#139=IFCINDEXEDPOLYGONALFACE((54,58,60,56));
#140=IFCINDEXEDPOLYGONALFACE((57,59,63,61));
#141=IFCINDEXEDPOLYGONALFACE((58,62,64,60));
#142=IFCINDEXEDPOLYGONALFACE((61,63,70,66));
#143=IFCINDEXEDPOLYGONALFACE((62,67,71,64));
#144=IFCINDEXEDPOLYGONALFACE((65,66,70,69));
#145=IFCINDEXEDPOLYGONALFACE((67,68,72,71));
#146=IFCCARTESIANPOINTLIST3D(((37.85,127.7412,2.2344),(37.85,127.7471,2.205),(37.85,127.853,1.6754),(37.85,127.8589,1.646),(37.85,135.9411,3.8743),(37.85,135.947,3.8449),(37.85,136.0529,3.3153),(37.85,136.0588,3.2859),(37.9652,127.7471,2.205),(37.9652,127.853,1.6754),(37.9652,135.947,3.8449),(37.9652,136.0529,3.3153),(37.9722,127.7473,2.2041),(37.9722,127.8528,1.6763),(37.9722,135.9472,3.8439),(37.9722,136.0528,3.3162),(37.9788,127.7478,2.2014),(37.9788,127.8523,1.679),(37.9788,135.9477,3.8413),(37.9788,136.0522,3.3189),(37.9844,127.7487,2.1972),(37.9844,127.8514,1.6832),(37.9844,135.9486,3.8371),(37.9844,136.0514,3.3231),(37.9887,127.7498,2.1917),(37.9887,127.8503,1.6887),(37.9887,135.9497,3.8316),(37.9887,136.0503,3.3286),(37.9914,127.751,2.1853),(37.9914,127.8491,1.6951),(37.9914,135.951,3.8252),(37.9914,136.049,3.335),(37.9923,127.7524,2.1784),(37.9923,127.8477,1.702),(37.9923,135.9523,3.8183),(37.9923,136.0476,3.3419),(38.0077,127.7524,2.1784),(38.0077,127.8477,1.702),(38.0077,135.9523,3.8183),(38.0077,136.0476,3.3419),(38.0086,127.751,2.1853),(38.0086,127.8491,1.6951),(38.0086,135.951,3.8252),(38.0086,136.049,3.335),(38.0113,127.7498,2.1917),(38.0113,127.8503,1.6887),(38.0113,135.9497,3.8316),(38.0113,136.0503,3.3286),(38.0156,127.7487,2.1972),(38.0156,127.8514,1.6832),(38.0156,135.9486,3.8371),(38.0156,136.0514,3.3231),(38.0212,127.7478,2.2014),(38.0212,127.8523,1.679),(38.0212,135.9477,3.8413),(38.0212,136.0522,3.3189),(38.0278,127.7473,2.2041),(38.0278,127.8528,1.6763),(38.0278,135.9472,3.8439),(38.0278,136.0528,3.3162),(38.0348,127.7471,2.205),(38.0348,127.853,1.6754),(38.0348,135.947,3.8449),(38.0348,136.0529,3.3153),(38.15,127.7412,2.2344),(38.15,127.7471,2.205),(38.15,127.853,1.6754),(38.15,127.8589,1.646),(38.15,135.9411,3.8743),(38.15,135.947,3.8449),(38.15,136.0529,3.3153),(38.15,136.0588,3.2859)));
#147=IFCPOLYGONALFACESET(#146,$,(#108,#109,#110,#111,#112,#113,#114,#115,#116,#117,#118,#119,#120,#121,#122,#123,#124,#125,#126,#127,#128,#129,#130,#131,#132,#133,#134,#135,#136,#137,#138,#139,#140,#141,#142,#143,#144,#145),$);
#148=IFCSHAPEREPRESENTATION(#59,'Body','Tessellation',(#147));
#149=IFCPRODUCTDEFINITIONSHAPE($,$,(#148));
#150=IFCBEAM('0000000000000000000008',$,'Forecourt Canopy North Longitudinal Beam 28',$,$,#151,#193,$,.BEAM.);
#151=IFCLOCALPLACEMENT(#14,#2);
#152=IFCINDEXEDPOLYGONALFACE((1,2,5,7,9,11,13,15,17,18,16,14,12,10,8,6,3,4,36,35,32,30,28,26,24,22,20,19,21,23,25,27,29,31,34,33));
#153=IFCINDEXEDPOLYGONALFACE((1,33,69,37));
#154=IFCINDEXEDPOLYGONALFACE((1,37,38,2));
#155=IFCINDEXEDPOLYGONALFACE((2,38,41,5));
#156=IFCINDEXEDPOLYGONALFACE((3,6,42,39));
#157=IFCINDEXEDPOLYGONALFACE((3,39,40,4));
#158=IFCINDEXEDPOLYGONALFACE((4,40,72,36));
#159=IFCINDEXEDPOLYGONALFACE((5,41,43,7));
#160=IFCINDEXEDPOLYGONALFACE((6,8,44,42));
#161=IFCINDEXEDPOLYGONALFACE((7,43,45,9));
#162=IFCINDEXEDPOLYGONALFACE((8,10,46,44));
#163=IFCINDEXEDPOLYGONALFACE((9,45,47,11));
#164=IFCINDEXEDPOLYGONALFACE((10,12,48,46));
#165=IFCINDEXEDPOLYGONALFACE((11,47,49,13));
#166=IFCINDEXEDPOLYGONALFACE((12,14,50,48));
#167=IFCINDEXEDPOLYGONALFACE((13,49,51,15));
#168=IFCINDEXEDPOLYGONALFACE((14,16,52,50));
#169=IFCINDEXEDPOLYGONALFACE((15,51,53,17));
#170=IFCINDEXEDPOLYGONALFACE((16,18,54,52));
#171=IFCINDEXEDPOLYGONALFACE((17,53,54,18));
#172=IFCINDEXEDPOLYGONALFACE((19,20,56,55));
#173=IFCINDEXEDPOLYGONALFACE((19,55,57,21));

————

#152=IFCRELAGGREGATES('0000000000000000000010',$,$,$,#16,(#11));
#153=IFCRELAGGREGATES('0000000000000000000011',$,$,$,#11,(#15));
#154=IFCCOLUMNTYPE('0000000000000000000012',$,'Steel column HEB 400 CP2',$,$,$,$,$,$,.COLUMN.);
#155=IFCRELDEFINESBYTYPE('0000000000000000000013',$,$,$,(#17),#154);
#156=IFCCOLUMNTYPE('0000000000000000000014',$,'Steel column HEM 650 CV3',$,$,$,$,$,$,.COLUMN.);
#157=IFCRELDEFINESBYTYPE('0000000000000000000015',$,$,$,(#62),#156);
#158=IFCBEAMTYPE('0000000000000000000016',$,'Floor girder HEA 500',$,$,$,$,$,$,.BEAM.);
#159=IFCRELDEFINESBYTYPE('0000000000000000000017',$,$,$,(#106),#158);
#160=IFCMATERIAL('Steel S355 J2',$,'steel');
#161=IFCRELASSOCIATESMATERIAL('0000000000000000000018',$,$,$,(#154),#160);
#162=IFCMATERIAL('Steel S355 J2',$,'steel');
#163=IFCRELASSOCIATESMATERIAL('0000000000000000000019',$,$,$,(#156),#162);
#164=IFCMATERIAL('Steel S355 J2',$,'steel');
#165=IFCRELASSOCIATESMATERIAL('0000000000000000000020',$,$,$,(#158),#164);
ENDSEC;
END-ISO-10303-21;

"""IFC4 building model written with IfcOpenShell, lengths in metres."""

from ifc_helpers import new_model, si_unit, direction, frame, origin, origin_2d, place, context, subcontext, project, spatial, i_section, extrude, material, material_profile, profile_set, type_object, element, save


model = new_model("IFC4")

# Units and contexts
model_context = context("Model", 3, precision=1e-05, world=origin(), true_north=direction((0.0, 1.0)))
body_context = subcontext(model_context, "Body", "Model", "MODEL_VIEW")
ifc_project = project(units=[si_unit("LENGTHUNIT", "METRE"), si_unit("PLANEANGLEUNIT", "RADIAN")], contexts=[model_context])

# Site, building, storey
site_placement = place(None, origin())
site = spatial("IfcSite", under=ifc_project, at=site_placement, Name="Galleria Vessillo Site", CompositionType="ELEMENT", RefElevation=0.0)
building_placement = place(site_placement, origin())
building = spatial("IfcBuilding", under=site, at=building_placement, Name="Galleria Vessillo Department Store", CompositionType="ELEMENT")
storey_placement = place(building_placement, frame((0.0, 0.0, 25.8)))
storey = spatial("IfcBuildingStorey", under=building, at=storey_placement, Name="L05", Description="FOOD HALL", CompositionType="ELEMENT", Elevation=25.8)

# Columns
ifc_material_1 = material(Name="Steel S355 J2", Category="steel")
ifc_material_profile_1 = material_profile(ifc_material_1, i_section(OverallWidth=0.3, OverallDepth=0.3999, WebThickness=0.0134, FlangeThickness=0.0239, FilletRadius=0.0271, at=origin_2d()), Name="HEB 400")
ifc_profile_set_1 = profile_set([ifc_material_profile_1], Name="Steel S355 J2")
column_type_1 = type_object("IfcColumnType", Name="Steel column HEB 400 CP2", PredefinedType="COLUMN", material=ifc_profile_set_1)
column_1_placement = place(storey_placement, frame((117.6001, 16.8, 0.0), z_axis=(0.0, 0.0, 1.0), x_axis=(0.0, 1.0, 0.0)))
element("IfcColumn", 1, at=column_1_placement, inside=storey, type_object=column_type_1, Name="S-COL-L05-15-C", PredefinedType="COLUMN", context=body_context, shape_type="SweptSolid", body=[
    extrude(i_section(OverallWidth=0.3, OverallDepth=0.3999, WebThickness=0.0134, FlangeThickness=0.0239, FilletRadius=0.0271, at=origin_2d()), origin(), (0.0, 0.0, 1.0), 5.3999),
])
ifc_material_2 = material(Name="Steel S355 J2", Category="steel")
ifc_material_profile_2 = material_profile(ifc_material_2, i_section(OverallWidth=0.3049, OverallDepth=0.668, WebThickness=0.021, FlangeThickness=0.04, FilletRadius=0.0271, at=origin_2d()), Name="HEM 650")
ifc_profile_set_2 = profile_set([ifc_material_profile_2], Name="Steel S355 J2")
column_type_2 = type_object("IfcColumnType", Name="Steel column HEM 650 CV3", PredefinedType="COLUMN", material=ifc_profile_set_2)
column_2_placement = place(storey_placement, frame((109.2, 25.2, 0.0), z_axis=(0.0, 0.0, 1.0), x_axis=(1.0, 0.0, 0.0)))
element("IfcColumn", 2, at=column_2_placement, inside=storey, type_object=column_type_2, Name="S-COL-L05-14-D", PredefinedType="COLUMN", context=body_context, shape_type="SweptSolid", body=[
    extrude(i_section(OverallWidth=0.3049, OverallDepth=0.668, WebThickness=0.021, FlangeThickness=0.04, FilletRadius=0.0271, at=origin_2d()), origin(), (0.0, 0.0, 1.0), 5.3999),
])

————

Exercise -
From the material above, retype precisely the lines between the line holding "#139=IFCINDEXEDPOLYGONALFACE((54,58,60,56));" and the line holding "#145=IFCINDEXEDPOLYGONALFACE((67,68,72,71));", inclusive, and nothing beyond them.

Solution for this task -
#139=IFCINDEXEDPOLYGONALFACE((54,58,60,56));
#140=IFCINDEXEDPOLYGONALFACE((57,59,63,61));
#141=IFCINDEXEDPOLYGONALFACE((58,62,64,60));
#142=IFCINDEXEDPOLYGONALFACE((61,63,70,66));
#143=IFCINDEXEDPOLYGONALFACE((62,67,71,64));
#144=IFCINDEXEDPOLYGONALFACE((65,66,70,69));
#145=IFCINDEXEDPOLYGONALFACE((67,68,72,71));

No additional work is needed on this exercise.